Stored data
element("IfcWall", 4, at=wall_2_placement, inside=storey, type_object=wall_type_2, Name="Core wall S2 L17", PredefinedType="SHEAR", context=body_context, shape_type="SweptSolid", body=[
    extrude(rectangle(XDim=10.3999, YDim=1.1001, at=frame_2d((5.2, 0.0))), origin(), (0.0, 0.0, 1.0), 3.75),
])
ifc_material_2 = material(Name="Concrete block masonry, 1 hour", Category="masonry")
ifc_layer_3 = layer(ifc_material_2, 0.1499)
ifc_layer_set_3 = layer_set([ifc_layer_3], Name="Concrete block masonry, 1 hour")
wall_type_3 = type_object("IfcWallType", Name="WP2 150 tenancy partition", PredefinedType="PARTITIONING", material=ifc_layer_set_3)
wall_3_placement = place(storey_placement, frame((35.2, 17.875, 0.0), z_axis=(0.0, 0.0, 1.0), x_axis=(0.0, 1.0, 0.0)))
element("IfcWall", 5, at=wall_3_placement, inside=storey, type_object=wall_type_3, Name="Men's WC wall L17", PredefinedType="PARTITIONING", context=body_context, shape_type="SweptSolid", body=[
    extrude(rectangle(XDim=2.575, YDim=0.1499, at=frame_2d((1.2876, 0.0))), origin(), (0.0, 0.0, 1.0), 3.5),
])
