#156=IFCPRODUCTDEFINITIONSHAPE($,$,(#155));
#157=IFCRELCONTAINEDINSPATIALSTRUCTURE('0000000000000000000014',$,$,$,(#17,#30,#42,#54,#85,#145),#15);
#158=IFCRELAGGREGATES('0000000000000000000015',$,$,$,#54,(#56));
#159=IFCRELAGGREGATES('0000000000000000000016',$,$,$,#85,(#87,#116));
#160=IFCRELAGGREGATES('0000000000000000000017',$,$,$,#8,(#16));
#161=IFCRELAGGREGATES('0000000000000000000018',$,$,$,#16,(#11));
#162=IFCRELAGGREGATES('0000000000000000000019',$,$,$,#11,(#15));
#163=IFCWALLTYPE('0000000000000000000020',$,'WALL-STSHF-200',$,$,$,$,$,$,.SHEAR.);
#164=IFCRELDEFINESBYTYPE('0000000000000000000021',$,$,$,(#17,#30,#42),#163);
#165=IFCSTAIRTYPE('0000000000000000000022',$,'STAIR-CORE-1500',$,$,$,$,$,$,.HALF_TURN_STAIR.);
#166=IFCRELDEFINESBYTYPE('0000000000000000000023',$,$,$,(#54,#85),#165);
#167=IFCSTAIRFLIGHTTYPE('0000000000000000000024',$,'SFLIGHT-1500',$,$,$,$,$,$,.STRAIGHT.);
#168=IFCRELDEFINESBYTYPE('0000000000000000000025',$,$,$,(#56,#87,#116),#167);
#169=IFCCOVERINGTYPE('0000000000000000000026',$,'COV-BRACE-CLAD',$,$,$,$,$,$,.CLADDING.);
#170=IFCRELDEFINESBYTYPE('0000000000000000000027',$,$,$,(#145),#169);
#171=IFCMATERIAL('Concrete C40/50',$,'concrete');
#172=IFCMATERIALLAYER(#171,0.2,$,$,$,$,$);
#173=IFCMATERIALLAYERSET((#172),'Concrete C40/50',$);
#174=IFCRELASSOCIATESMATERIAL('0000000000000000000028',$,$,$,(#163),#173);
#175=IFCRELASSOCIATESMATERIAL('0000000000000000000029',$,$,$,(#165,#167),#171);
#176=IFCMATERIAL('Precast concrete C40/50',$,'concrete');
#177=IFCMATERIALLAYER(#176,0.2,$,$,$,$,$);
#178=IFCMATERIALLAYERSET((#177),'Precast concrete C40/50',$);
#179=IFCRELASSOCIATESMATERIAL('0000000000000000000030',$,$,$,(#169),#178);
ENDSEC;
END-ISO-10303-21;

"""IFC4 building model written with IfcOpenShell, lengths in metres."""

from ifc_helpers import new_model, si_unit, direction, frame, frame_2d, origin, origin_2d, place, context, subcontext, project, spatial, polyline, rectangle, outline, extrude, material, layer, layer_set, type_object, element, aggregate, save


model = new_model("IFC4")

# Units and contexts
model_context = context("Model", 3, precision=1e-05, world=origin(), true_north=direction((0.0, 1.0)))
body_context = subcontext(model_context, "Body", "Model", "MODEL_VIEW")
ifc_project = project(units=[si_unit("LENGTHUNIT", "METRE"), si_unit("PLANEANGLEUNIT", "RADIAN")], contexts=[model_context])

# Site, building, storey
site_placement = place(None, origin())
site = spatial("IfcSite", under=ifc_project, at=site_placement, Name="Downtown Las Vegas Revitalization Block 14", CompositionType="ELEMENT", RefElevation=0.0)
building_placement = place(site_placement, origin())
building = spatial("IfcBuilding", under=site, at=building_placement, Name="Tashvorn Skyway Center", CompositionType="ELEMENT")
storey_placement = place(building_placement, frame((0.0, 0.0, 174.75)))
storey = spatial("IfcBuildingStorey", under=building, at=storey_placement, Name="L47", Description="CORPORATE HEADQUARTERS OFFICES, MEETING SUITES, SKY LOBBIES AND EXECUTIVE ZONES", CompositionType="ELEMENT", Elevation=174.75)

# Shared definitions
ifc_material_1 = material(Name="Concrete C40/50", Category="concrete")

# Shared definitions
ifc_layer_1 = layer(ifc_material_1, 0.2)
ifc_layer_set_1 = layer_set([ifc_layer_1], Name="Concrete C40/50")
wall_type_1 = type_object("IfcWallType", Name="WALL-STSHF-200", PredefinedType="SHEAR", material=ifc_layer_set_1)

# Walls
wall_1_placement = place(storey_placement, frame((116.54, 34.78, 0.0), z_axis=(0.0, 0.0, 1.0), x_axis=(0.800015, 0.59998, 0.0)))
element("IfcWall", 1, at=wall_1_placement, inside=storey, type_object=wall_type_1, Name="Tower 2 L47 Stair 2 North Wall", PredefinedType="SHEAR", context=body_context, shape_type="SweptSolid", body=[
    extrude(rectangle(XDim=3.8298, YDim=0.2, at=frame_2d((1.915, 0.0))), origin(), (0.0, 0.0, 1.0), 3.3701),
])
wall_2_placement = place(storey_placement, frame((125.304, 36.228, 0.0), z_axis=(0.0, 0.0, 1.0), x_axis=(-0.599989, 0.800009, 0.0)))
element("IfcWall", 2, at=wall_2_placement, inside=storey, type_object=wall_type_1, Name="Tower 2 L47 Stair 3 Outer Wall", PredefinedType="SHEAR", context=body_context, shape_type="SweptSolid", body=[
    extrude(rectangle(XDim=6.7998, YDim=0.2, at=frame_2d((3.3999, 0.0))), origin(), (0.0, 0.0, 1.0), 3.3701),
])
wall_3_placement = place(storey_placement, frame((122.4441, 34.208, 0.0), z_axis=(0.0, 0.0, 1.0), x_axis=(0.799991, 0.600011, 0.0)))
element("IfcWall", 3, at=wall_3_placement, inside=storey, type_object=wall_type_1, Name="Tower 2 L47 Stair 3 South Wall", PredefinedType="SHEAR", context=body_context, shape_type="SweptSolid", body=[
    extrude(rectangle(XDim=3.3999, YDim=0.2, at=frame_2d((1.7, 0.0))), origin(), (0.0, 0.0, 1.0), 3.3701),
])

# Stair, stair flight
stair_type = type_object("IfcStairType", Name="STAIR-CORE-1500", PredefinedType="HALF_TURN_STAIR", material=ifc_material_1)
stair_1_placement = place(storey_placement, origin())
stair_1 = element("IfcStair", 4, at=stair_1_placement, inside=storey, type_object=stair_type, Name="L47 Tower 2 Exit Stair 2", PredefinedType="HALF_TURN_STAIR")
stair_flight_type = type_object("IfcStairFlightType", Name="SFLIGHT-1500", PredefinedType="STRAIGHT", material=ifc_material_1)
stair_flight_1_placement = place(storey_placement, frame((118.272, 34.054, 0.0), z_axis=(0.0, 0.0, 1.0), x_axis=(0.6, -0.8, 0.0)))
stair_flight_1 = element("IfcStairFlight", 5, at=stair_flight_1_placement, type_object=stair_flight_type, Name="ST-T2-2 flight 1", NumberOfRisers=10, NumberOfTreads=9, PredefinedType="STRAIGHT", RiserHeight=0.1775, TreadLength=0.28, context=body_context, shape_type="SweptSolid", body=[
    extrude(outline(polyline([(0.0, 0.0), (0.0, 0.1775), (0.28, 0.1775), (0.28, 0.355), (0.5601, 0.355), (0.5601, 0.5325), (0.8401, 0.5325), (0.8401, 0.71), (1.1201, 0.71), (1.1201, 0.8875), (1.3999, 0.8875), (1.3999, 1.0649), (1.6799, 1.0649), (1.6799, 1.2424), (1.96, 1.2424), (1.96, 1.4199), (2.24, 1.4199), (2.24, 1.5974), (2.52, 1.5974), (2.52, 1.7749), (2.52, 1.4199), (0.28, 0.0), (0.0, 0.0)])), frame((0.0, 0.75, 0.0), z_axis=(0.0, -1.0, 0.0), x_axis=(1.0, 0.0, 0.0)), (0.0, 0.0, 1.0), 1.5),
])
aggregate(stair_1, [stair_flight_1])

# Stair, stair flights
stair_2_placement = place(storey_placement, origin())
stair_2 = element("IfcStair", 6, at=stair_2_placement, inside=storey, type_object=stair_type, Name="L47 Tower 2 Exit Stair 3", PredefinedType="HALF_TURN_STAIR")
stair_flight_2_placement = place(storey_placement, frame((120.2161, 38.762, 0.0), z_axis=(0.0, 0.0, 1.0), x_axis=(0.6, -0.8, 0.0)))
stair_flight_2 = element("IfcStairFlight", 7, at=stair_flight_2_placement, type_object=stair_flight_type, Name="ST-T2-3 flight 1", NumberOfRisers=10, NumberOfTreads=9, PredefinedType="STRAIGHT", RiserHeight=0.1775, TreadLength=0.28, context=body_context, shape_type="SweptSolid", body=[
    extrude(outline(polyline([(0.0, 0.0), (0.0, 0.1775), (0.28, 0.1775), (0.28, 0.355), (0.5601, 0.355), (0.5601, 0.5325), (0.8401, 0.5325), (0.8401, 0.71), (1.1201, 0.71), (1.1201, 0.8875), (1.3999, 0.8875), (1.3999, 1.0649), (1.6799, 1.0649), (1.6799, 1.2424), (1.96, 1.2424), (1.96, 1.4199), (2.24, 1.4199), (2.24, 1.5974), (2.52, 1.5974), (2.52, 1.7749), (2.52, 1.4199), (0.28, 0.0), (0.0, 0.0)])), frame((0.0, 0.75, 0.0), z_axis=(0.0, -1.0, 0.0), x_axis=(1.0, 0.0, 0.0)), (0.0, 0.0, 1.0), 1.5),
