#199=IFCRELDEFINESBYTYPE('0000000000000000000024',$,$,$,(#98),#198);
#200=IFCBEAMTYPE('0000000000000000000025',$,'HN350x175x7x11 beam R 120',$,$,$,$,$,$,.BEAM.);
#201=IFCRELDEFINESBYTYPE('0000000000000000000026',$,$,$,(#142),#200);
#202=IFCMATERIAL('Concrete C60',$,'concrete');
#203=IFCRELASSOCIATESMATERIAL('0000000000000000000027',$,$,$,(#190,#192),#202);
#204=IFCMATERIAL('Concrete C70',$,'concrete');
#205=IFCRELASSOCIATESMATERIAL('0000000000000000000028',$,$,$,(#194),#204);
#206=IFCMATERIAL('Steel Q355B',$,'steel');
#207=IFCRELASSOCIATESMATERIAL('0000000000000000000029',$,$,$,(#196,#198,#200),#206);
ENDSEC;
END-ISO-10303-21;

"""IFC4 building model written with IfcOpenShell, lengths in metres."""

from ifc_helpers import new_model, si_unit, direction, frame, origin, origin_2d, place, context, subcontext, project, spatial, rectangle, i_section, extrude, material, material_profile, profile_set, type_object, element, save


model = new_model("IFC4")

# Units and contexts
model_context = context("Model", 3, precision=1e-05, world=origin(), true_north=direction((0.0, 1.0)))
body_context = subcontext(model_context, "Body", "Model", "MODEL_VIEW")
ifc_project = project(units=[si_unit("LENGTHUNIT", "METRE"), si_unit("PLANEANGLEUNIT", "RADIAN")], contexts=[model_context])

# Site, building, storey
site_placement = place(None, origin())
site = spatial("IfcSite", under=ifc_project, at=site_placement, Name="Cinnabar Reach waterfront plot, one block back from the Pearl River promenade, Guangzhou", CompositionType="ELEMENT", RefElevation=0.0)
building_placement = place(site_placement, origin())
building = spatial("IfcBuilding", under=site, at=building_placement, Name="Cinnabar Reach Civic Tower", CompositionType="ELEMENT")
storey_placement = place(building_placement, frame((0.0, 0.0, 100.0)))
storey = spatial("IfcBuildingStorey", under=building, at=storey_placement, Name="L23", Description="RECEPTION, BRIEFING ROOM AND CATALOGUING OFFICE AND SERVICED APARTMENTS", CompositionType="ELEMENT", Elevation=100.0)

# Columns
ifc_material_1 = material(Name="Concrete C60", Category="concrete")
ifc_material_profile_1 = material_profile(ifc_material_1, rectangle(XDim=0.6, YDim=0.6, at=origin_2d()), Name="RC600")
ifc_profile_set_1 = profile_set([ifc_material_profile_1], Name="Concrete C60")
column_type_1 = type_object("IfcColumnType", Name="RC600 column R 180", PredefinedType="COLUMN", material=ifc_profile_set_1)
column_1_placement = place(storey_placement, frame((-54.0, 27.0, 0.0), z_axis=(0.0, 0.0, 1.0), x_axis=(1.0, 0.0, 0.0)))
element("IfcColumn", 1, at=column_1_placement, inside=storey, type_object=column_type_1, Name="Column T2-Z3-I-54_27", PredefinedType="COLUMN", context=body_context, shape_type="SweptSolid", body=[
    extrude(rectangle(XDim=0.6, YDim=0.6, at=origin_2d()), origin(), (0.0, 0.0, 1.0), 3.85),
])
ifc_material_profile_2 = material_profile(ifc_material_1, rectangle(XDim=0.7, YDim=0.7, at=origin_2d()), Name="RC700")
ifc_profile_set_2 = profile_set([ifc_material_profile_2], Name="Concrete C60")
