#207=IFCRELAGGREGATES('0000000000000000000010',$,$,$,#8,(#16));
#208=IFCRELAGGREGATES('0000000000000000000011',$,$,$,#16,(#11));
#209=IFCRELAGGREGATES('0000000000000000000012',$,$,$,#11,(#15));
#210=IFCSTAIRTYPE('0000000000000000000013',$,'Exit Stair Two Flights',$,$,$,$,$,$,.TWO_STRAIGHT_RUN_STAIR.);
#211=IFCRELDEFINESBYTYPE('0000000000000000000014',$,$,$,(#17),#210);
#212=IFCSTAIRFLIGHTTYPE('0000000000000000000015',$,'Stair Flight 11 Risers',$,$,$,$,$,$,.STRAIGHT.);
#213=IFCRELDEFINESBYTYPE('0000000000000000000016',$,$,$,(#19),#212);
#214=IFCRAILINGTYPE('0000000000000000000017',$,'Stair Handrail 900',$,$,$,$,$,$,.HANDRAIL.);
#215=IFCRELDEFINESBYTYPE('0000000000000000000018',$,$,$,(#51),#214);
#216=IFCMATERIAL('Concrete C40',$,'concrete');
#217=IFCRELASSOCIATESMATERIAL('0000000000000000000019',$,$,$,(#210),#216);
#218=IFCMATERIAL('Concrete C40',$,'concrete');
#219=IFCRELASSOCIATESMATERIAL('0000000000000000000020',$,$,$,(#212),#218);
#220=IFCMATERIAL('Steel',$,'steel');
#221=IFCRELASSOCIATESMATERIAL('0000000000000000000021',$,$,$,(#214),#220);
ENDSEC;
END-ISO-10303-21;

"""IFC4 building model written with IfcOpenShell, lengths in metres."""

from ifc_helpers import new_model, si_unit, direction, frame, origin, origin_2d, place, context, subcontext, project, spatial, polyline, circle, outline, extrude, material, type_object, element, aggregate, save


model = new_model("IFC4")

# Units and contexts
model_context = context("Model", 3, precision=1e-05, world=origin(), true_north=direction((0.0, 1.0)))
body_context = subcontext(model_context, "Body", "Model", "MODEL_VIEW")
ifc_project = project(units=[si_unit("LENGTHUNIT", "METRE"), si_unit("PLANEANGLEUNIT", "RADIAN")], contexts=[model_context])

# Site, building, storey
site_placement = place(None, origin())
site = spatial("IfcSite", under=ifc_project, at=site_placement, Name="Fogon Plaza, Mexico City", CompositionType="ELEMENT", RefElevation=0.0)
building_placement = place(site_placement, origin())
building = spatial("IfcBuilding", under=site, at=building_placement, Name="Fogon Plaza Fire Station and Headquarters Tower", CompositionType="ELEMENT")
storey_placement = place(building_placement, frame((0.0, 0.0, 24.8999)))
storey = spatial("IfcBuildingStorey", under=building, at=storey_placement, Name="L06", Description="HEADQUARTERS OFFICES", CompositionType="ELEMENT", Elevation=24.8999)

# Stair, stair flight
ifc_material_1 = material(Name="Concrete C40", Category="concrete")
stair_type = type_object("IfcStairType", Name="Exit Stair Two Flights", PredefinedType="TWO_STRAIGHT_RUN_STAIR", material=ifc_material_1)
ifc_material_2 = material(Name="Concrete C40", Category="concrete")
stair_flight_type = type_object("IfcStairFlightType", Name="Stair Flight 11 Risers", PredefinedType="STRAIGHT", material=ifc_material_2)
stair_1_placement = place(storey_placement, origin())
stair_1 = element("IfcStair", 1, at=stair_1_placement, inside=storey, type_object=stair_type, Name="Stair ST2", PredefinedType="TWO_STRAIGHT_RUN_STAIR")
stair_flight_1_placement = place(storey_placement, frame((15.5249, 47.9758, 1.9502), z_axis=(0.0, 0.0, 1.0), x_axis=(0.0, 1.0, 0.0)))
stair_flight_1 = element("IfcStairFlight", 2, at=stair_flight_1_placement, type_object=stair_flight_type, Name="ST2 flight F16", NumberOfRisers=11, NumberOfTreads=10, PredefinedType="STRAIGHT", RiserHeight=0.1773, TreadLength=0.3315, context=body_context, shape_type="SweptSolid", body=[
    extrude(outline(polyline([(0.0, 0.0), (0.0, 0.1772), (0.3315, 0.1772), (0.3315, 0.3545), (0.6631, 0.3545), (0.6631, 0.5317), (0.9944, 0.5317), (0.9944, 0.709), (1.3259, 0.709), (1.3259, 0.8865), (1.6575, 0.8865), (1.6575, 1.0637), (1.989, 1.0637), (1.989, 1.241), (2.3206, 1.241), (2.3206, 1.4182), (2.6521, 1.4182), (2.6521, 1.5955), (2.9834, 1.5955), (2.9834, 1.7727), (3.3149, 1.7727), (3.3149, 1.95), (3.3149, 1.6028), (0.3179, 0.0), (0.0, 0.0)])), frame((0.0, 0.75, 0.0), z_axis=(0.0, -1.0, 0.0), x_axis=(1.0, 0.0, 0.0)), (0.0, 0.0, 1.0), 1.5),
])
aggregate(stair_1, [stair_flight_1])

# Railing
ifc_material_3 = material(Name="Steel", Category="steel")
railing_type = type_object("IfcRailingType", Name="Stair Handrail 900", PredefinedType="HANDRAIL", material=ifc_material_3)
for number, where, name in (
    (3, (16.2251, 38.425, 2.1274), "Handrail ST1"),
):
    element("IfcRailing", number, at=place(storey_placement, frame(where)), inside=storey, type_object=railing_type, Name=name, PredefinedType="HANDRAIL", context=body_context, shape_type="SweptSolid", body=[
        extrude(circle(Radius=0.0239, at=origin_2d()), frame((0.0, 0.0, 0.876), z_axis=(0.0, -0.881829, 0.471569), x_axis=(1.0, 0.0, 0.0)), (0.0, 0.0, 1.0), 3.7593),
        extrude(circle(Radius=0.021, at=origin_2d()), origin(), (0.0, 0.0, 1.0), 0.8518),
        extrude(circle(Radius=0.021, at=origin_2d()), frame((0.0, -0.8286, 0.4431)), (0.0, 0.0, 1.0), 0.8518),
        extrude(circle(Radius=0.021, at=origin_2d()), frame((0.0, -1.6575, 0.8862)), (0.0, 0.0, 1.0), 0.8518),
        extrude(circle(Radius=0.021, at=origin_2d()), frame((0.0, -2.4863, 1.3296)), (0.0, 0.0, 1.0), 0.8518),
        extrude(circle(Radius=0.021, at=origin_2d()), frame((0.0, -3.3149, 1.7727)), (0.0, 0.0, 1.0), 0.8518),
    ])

Prompt:
Copy the records above faithfully. Begin at their first line, end at the line containing "#161=IFCRELAGGREGATES('0000000000000000000018',$,$,$,#16,(#11));", and include nothing else.

Solution for this exercise:
element("IfcWall", 4, at=wall_2_placement, inside=storey, type_object=wall_type_2, Name="Core wall S2 L17", PredefinedType="SHEAR", context=body_context, shape_type="SweptSolid", body=[
    extrude(rectangle(XDim=10.3999, YDim=1.1001, at=frame_2d((5.2, 0.0))), origin(), (0.0, 0.0, 1.0), 3.75),
])
ifc_material_2 = material(Name="Concrete block masonry, 1 hour", Category="masonry")
ifc_layer_3 = layer(ifc_material_2, 0.1499)
ifc_layer_set_3 = layer_set([ifc_layer_3], Name="Concrete block masonry, 1 hour")
wall_type_3 = type_object("IfcWallType", Name="WP2 150 tenancy partition", PredefinedType="PARTITIONING", material=ifc_layer_set_3)
wall_3_placement = place(storey_placement, frame((35.2, 17.875, 0.0), z_axis=(0.0, 0.0, 1.0), x_axis=(0.0, 1.0, 0.0)))
element("IfcWall", 5, at=wall_3_placement, inside=storey, type_object=wall_type_3, Name="Men's WC wall L17", PredefinedType="PARTITIONING", context=body_context, shape_type="SweptSolid", body=[
    extrude(rectangle(XDim=2.575, YDim=0.1499, at=frame_2d((1.2876, 0.0))), origin(), (0.0, 0.0, 1.0), 3.5),
])
#156=IFCPRODUCTDEFINITIONSHAPE($,$,(#155));
#157=IFCRELCONTAINEDINSPATIALSTRUCTURE('0000000000000000000014',$,$,$,(#17,#30,#42,#54,#85,#145),#15);
#158=IFCRELAGGREGATES('0000000000000000000015',$,$,$,#54,(#56));
#159=IFCRELAGGREGATES('0000000000000000000016',$,$,$,#85,(#87,#116));
#160=IFCRELAGGREGATES('0000000000000000000017',$,$,$,#8,(#16));
#161=IFCRELAGGREGATES('0000000000000000000018',$,$,$,#16,(#11));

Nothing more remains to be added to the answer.